(Stored entries)
▬▬▬

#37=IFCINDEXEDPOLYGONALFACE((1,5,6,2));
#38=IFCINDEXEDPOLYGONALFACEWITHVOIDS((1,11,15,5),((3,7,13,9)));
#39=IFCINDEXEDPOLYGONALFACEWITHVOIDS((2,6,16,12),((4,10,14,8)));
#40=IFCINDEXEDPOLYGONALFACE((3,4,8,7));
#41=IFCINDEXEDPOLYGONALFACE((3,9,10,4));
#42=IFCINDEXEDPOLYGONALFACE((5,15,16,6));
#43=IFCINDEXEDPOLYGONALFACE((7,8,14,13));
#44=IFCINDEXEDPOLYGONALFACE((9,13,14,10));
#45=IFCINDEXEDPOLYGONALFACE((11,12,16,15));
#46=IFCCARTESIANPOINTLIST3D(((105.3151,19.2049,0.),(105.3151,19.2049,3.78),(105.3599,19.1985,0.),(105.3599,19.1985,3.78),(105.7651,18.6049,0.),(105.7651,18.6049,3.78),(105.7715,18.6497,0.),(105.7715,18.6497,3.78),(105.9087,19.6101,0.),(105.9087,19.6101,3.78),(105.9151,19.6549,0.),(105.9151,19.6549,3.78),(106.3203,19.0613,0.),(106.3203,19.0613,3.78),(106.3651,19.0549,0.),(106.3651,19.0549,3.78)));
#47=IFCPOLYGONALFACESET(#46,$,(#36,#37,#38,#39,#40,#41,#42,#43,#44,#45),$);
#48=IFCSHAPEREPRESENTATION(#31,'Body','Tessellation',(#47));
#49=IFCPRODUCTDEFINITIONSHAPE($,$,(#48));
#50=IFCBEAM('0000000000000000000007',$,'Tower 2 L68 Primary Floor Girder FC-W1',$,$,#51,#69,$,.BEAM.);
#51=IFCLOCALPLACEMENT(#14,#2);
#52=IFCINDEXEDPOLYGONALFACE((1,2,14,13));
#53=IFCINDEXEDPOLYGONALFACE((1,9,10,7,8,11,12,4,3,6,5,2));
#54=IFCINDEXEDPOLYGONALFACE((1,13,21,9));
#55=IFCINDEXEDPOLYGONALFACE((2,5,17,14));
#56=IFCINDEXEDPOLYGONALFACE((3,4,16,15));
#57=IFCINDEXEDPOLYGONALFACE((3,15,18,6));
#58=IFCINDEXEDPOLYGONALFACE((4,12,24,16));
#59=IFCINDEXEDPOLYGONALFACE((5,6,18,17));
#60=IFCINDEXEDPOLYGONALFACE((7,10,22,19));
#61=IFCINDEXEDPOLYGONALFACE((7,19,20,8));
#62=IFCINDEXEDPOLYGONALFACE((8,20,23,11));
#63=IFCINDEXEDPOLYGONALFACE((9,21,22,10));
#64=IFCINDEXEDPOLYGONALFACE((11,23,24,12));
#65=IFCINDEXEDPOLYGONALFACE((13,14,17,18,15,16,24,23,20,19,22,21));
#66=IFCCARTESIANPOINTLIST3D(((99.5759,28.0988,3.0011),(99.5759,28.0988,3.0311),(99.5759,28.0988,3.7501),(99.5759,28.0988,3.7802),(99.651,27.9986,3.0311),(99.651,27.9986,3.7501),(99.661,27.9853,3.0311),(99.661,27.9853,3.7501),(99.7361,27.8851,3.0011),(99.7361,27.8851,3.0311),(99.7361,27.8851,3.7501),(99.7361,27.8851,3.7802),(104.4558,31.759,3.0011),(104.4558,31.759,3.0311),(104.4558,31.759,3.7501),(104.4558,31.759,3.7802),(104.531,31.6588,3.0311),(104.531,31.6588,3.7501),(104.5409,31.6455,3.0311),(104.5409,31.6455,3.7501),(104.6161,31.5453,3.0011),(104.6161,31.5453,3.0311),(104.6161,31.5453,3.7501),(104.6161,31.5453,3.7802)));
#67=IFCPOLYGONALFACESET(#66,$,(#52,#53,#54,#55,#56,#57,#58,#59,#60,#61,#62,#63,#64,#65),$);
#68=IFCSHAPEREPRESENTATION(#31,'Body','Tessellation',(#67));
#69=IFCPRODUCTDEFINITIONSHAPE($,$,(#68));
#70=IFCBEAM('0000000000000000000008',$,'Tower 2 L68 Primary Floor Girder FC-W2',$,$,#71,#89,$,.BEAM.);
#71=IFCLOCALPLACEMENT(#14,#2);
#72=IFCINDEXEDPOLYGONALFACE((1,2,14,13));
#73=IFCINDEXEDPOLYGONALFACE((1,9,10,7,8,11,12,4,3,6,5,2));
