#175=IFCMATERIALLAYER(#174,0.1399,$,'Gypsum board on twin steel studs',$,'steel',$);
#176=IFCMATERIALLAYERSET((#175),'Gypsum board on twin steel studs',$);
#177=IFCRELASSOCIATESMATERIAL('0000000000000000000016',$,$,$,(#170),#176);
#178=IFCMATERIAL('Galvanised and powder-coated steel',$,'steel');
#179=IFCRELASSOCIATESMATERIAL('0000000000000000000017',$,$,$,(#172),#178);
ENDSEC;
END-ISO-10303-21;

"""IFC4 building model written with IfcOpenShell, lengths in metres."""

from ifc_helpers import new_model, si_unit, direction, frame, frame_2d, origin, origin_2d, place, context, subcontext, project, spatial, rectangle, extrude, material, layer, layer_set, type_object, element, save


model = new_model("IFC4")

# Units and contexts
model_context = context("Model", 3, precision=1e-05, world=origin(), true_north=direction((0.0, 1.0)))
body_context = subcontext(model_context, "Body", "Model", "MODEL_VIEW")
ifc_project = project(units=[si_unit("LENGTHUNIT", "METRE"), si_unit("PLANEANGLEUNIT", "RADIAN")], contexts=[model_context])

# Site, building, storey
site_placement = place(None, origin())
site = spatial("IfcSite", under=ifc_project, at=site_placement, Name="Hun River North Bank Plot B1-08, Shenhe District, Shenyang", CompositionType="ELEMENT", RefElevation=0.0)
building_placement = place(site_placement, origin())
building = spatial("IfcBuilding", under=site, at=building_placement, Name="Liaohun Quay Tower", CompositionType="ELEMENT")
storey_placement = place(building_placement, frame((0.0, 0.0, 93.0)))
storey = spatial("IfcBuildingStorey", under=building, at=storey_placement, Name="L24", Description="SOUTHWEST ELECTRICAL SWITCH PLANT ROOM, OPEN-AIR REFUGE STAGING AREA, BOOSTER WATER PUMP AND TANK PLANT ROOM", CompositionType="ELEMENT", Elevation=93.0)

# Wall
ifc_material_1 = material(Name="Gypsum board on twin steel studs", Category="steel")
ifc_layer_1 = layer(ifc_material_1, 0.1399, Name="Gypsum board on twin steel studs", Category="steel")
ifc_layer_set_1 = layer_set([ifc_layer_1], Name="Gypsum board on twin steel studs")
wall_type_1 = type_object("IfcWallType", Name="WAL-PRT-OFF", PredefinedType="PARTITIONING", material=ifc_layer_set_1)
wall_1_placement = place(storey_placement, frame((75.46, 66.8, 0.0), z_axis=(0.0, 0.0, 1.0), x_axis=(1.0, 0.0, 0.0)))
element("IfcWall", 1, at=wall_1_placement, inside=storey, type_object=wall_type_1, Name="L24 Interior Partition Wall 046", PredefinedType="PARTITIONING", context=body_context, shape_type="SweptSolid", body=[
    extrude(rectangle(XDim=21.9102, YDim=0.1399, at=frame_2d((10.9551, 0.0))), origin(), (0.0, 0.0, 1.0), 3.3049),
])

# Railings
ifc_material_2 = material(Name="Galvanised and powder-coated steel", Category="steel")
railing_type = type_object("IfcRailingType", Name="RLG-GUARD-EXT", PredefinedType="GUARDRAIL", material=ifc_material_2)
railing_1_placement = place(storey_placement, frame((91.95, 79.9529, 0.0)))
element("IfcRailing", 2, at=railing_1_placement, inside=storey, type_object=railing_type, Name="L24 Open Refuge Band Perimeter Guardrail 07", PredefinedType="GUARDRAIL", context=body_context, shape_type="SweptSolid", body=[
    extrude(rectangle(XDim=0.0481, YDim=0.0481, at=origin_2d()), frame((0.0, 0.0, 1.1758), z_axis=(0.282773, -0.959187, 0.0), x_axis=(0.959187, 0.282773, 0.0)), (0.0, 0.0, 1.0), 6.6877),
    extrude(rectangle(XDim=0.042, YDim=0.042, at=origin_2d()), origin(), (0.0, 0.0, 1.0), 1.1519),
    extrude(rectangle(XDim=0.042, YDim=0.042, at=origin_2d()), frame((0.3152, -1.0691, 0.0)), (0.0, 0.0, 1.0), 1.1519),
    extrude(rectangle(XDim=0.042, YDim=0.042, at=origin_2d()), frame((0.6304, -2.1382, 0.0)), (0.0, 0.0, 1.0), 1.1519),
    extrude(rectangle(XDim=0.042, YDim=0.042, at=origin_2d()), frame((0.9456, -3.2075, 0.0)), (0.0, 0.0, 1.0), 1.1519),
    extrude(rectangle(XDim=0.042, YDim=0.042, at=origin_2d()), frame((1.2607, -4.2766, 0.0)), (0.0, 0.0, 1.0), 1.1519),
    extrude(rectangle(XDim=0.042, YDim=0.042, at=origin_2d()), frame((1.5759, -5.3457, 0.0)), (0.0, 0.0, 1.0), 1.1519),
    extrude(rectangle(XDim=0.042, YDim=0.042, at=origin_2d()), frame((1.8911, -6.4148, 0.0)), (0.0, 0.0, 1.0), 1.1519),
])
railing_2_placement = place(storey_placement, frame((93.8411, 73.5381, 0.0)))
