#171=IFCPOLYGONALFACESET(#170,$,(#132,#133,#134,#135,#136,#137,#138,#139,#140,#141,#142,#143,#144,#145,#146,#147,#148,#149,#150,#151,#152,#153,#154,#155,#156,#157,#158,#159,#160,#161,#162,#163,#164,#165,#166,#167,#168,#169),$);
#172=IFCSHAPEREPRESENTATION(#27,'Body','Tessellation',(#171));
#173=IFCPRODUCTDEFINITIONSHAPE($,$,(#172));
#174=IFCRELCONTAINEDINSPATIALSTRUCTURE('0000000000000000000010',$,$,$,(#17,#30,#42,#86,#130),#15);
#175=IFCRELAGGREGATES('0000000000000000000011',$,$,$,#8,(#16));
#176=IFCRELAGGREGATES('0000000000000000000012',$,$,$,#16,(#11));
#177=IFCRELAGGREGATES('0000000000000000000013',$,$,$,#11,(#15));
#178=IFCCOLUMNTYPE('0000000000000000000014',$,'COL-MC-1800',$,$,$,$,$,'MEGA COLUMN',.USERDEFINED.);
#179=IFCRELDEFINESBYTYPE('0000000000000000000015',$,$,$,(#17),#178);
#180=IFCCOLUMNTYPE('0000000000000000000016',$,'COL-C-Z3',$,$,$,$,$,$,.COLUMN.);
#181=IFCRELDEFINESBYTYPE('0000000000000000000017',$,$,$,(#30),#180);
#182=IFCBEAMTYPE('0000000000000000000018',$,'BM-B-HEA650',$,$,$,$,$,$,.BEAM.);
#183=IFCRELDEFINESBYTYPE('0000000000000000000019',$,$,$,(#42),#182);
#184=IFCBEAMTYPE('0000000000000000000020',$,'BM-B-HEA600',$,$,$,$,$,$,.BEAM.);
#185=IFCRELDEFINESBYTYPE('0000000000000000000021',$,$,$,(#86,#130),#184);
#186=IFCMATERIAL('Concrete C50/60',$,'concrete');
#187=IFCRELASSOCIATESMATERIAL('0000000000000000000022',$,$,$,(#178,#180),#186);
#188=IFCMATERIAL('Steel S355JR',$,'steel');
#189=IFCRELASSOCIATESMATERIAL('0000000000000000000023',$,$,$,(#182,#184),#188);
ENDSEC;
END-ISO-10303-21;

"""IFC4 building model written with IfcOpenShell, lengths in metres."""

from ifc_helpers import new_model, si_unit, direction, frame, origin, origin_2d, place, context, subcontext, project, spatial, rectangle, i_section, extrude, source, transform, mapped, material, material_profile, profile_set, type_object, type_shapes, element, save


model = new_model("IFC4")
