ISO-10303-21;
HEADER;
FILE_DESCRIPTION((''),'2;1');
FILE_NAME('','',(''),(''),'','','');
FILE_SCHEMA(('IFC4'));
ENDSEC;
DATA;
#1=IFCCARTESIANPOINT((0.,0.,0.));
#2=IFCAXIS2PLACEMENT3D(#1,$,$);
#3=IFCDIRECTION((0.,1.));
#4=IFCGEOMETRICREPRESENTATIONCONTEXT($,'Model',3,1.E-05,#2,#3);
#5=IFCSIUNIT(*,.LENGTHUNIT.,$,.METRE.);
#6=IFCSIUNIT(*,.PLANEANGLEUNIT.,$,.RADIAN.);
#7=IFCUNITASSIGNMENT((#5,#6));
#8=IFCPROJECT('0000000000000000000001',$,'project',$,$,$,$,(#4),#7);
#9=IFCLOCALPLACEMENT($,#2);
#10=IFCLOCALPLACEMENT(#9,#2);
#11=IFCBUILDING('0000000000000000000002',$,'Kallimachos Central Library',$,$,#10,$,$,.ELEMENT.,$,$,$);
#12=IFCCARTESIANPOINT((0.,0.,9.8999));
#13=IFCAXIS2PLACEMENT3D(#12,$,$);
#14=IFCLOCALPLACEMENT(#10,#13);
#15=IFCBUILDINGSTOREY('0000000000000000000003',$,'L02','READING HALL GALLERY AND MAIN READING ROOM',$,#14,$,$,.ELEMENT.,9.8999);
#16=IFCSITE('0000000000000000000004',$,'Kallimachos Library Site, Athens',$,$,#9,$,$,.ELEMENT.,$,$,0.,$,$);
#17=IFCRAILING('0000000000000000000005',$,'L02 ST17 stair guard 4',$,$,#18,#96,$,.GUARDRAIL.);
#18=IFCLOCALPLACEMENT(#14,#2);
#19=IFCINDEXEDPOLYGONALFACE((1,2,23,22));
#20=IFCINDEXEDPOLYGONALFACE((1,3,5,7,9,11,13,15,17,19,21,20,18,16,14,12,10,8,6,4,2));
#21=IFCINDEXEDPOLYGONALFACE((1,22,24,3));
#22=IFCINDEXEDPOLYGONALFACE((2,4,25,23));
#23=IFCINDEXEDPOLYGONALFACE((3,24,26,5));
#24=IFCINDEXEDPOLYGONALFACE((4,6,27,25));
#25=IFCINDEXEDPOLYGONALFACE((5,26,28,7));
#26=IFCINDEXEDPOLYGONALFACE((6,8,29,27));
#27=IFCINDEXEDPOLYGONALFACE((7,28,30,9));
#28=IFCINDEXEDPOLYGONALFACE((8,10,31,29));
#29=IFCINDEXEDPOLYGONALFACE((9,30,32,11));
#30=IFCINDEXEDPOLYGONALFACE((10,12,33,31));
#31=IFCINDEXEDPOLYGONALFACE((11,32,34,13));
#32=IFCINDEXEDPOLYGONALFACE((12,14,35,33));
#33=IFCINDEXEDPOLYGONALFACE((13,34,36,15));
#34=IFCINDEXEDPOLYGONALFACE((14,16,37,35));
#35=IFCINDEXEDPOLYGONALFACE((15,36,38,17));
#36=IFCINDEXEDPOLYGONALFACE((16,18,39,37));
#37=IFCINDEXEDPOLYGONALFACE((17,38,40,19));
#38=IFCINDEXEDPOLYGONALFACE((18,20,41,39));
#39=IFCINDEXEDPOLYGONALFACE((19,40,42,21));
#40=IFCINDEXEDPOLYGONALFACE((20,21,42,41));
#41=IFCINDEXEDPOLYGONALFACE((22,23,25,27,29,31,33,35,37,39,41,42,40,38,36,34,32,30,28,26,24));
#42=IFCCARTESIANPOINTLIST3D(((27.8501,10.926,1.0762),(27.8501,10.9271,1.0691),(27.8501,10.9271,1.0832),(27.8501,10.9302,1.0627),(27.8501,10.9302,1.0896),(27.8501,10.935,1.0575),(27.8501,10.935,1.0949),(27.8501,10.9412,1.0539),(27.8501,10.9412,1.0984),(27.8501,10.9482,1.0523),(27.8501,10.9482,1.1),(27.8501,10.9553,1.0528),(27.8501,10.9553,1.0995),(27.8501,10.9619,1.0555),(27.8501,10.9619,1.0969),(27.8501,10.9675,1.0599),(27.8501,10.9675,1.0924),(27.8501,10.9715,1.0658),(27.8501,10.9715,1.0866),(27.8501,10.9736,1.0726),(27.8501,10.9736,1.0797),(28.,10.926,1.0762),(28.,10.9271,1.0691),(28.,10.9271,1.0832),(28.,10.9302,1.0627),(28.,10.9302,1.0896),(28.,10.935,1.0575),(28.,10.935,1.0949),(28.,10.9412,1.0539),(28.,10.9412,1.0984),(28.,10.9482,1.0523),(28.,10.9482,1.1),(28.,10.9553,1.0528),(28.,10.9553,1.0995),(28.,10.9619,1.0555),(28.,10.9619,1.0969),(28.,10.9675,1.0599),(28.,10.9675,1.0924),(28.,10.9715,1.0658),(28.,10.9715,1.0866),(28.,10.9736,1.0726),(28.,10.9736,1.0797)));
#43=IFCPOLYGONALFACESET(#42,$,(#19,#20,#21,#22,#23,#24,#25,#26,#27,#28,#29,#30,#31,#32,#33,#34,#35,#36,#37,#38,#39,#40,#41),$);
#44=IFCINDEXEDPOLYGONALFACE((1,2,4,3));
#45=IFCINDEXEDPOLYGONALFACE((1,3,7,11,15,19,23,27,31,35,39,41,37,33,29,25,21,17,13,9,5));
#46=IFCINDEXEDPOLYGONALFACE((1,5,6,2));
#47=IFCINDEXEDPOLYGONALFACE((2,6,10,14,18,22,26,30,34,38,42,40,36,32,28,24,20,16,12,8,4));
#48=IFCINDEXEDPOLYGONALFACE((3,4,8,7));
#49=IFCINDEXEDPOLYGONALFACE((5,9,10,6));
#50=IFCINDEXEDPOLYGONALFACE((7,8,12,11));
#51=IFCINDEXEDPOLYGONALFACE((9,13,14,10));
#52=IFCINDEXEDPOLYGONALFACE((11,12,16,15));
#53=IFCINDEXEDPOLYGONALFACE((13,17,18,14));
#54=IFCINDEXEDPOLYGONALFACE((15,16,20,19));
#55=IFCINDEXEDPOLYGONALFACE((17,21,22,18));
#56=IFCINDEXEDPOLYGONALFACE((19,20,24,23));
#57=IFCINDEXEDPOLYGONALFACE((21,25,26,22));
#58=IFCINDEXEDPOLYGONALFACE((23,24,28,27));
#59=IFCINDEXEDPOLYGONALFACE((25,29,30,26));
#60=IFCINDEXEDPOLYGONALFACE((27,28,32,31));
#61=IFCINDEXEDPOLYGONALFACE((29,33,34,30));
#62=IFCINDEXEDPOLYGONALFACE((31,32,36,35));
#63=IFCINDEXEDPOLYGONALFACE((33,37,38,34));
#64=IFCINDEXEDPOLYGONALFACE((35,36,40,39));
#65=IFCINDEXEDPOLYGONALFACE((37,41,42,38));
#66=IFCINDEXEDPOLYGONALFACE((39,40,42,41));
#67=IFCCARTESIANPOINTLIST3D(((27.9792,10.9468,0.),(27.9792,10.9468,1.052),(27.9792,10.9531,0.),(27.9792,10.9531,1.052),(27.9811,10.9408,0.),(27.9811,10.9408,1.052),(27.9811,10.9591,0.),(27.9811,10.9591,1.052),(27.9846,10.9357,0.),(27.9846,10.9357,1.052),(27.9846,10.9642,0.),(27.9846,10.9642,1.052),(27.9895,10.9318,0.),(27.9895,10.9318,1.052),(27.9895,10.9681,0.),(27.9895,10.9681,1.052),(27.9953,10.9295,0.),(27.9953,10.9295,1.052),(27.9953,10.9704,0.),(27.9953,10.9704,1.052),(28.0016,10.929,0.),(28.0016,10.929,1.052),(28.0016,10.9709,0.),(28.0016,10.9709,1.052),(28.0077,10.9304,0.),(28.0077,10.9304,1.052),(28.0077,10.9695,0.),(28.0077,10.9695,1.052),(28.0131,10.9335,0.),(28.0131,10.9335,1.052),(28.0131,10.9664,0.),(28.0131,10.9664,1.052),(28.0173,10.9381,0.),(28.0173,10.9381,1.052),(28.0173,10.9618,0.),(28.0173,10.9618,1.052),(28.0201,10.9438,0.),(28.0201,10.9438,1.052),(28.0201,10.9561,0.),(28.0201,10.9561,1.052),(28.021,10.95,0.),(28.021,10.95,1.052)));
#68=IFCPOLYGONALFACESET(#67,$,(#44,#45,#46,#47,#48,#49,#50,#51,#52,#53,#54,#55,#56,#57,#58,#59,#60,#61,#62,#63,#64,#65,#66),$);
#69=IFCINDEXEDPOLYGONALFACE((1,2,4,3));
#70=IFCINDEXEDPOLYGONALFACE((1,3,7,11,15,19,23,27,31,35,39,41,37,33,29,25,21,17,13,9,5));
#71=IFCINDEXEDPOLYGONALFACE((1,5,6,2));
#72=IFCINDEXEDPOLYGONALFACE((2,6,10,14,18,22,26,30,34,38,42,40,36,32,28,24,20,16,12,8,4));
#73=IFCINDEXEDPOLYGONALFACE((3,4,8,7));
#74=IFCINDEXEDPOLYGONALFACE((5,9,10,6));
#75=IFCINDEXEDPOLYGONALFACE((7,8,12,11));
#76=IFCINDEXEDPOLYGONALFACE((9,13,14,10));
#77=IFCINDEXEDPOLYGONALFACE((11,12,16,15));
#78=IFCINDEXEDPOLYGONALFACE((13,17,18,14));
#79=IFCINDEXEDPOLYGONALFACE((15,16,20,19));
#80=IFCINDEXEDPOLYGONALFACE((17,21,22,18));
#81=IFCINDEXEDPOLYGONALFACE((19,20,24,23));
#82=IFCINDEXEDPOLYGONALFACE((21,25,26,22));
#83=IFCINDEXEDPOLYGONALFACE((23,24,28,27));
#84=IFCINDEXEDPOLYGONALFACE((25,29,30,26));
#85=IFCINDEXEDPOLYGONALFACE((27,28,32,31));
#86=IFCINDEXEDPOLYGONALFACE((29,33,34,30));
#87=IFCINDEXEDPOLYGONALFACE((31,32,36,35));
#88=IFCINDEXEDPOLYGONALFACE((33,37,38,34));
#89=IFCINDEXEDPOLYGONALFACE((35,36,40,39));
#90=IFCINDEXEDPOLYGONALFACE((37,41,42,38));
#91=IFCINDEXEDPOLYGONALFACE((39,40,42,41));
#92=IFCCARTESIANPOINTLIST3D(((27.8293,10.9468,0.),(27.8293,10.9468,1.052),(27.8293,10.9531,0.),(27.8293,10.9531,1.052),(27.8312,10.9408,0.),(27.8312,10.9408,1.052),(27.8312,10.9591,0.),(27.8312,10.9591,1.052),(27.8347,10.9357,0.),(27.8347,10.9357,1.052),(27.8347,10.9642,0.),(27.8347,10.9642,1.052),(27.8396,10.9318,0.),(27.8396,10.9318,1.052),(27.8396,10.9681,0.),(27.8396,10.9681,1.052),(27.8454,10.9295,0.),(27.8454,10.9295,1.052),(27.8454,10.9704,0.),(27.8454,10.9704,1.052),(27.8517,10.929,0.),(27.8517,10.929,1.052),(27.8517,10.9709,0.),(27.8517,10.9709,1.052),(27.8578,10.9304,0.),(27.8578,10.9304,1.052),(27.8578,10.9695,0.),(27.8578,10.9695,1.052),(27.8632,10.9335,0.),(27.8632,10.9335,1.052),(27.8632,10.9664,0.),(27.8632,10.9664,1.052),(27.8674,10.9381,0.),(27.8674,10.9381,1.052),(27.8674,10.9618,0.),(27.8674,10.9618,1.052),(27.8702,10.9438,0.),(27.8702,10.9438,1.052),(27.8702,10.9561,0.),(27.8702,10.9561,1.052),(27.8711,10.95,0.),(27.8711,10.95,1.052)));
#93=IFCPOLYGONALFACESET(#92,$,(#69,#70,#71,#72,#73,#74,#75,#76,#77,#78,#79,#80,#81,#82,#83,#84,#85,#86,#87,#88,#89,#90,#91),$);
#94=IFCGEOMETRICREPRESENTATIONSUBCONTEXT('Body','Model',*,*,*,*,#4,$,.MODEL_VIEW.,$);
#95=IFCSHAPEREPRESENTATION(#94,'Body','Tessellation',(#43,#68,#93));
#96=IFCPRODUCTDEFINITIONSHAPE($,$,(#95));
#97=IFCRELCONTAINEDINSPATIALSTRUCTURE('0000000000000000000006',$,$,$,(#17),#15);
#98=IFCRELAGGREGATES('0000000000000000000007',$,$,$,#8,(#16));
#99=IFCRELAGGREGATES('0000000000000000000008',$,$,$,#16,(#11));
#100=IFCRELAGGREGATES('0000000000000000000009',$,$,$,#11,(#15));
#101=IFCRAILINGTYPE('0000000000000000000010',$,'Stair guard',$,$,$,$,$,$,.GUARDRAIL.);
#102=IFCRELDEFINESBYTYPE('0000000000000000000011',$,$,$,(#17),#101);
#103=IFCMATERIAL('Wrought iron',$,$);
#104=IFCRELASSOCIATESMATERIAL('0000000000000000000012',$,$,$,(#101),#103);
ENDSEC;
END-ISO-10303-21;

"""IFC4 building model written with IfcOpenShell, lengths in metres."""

from ifc_helpers import new_model, si_unit, direction, frame, origin, origin_2d, place, context, subcontext, project, spatial, circle, extrude, material, type_object, element, save


model = new_model("IFC4")

# Units and contexts
model_context = context("Model", 3, precision=1e-05, world=origin(), true_north=direction((0.0, 1.0)))
body_context = subcontext(model_context, "Body", "Model", "MODEL_VIEW")
ifc_project = project(units=[si_unit("LENGTHUNIT", "METRE"), si_unit("PLANEANGLEUNIT", "RADIAN")], contexts=[model_context])

# Site, building, storey
site_placement = place(None, origin())
site = spatial("IfcSite", under=ifc_project, at=site_placement, Name="Kallimachos Library Site, Athens", CompositionType="ELEMENT", RefElevation=0.0)
building_placement = place(site_placement, origin())
building = spatial("IfcBuilding", under=site, at=building_placement, Name="Kallimachos Central Library", CompositionType="ELEMENT")
storey_placement = place(building_placement, frame((0.0, 0.0, 9.8999)))
storey = spatial("IfcBuildingStorey", under=building, at=storey_placement, Name="L02", Description="READING HALL GALLERY AND MAIN READING ROOM", CompositionType="ELEMENT", Elevation=9.8999)

# Railing
ifc_material_1 = material(Name="Wrought iron")
railing_type_1 = type_object("IfcRailingType", Name="Stair guard", PredefinedType="GUARDRAIL", material=ifc_material_1)
railing_1_placement = place(storey_placement, frame((28.0, 10.95, 0.0)))
element("IfcRailing", 1, at=railing_1_placement, inside=storey, type_object=railing_type_1, Name="L02 ST17 stair guard 4", PredefinedType="GUARDRAIL", context=body_context, shape_type="SweptSolid", body=[
    extrude(circle(Radius=0.0239, at=origin_2d()), frame((0.0, 0.0, 1.0762), z_axis=(-1.0, 0.0, 0.0), x_axis=(0.0, -1.0, 0.0)), (0.0, 0.0, 1.0), 0.1499),
    extrude(circle(Radius=0.021, at=origin_2d()), origin(), (0.0, 0.0, 1.0), 1.052),
    extrude(circle(Radius=0.021, at=origin_2d()), frame((-0.1499, 0.0, 0.0)), (0.0, 0.0, 1.0), 1.052),
])

save(model, "model.ifc")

▬▬▬

Directions: Among the entries above, find the line with "#178=IFCMATERIAL('Galvanised and powder-coated" and the line with "River North Bank"; give again exactly these two lines and all lines between them.

Answer box:
#178=IFCMATERIAL('Galvanised and powder-coated steel',$,'steel');
#179=IFCRELASSOCIATESMATERIAL('0000000000000000000017',$,$,$,(#172),#178);
ENDSEC;
END-ISO-10303-21;

"""IFC4 building model written with IfcOpenShell, lengths in metres."""

from ifc_helpers import new_model, si_unit, direction, frame, frame_2d, origin, origin_2d, place, context, subcontext, project, spatial, rectangle, extrude, material, layer, layer_set, type_object, element, save


model = new_model("IFC4")

# Units and contexts
model_context = context("Model", 3, precision=1e-05, world=origin(), true_north=direction((0.0, 1.0)))
body_context = subcontext(model_context, "Body", "Model", "MODEL_VIEW")
ifc_project = project(units=[si_unit("LENGTHUNIT", "METRE"), si_unit("PLANEANGLEUNIT", "RADIAN")], contexts=[model_context])

# Site, building, storey
site_placement = place(None, origin())
site = spatial("IfcSite", under=ifc_project, at=site_placement, Name="Hun River North Bank Plot B1-08, Shenhe District, Shenyang", CompositionType="ELEMENT", RefElevation=0.0)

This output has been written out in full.